Aim of the task
Please copy out the entries below exactly, beginning with the line that contains "#186=IFCMATERIAL('Mineral wool in" and ending with the line that contains "#194=IFCMATERIALLAYER(#193,0.3,$,$,$,$,$);", and include nothing outside that span.

>>>

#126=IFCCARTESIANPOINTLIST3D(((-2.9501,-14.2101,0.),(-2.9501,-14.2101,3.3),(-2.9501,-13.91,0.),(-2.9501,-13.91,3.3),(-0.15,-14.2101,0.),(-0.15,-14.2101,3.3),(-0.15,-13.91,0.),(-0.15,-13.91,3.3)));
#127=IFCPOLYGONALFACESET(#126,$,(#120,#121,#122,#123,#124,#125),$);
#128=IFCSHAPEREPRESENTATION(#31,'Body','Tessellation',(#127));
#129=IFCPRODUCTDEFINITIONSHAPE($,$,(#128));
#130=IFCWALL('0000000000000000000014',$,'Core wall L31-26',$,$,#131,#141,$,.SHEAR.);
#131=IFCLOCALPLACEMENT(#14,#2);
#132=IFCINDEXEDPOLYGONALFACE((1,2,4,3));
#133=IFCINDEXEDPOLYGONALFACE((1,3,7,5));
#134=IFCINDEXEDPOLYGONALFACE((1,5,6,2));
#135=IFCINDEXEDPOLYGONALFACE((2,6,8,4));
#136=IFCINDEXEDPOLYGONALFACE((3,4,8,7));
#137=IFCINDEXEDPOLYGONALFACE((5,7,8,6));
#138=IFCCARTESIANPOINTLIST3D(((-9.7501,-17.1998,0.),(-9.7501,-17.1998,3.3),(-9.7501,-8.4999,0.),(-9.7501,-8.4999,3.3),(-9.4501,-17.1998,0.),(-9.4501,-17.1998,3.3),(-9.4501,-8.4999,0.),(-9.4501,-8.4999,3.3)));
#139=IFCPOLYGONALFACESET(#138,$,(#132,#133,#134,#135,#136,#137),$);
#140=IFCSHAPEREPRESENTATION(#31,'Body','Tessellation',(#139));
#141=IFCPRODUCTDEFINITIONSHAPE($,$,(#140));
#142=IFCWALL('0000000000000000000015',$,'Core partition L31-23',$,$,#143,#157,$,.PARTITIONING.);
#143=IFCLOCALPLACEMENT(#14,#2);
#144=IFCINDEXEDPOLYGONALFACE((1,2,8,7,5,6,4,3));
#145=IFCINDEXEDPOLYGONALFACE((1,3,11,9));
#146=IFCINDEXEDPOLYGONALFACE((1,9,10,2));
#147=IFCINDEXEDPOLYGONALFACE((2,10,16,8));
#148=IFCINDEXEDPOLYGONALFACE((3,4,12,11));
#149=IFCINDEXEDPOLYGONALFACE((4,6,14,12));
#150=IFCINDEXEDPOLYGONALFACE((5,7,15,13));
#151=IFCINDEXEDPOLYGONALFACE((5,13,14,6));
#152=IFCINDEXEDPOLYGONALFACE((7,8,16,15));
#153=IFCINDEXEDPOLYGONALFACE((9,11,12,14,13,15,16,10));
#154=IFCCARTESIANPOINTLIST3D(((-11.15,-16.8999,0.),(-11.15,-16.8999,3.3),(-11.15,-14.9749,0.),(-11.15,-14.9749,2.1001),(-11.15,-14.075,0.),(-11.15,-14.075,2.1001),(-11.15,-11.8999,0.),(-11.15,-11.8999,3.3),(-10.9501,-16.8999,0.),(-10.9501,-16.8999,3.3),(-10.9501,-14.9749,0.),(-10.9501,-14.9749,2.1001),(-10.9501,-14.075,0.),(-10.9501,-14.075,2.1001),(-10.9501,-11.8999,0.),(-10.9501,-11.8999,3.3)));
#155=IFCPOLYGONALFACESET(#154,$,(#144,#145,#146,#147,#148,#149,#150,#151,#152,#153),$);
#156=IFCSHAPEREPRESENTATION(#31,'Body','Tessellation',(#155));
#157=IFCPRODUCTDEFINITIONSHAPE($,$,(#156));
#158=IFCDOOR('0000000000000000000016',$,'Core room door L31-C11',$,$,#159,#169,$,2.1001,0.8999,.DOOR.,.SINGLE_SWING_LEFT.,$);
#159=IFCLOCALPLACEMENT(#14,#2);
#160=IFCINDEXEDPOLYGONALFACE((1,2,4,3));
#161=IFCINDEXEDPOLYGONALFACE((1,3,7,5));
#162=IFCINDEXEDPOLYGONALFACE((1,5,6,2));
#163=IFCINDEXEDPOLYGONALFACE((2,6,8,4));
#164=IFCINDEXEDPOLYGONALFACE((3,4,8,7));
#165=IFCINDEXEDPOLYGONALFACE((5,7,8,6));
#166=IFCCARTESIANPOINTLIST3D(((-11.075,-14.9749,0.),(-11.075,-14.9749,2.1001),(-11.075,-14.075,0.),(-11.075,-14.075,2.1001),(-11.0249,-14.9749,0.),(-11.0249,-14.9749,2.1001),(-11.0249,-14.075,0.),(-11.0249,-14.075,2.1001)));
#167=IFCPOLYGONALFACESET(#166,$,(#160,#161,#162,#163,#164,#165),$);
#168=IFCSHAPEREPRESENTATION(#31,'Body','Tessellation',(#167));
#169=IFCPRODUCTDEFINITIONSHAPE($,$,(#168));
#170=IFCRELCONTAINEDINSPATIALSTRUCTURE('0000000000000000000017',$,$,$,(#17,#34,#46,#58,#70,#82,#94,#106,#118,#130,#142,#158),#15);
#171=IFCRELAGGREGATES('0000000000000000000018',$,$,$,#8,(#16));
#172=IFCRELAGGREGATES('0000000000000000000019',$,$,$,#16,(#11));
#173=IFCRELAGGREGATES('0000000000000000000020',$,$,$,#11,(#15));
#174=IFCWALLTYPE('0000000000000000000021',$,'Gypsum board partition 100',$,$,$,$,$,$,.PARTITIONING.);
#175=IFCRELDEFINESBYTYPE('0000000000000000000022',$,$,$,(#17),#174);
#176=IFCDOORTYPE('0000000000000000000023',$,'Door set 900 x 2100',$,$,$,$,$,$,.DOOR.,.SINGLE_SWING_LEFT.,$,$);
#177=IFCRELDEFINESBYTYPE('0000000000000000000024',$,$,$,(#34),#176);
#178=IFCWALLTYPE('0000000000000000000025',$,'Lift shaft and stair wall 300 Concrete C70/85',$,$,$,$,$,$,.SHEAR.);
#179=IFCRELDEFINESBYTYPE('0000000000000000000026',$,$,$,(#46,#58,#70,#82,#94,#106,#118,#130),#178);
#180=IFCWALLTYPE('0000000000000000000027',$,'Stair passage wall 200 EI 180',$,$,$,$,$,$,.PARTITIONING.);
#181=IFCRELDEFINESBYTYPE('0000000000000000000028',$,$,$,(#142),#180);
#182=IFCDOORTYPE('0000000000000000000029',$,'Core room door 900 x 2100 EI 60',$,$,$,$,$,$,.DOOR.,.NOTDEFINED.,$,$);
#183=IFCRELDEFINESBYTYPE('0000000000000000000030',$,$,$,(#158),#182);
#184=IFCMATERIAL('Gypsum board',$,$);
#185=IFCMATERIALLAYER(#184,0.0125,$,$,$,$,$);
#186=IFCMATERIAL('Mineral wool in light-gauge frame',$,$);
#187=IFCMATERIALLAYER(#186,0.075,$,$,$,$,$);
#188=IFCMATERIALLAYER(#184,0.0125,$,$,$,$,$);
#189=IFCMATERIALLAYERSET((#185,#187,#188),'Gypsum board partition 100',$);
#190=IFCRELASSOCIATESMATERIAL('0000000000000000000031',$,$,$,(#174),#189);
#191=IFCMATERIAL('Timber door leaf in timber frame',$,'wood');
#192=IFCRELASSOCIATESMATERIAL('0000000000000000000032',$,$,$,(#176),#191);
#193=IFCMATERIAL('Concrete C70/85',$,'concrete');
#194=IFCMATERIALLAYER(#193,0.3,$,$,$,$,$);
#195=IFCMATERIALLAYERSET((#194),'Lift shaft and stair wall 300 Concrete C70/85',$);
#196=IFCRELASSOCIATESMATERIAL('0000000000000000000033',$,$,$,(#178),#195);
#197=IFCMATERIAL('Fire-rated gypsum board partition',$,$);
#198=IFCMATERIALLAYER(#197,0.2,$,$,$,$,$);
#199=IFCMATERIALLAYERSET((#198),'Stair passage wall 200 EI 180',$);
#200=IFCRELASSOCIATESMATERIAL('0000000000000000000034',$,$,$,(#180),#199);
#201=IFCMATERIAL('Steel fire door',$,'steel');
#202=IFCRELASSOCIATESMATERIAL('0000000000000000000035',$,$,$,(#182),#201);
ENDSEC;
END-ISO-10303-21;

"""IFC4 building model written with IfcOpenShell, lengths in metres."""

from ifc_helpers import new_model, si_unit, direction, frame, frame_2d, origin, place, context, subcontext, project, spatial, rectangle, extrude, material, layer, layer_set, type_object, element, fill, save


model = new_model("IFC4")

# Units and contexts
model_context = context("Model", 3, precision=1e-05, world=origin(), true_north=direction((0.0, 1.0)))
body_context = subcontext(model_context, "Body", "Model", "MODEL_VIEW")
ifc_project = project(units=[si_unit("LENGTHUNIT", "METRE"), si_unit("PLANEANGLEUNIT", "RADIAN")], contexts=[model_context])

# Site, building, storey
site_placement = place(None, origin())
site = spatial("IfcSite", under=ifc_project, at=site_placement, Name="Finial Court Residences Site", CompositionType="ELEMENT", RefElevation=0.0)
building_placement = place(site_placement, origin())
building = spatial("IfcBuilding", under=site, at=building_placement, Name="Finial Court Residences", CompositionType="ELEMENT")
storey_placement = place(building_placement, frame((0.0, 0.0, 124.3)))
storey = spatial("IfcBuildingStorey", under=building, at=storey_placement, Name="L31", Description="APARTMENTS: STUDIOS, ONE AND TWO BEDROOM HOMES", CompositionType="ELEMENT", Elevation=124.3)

<<<

Solution for this exercise
#186=IFCMATERIAL('Mineral wool in light-gauge frame',$,$);
#187=IFCMATERIALLAYER(#186,0.075,$,$,$,$,$);
#188=IFCMATERIALLAYER(#184,0.0125,$,$,$,$,$);
#189=IFCMATERIALLAYERSET((#185,#187,#188),'Gypsum board partition 100',$);
#190=IFCRELASSOCIATESMATERIAL('0000000000000000000031',$,$,$,(#174),#189);
#191=IFCMATERIAL('Timber door leaf in timber frame',$,'wood');
#192=IFCRELASSOCIATESMATERIAL('0000000000000000000032',$,$,$,(#176),#191);
#193=IFCMATERIAL('Concrete C70/85',$,'concrete');
#194=IFCMATERIALLAYER(#193,0.3,$,$,$,$,$);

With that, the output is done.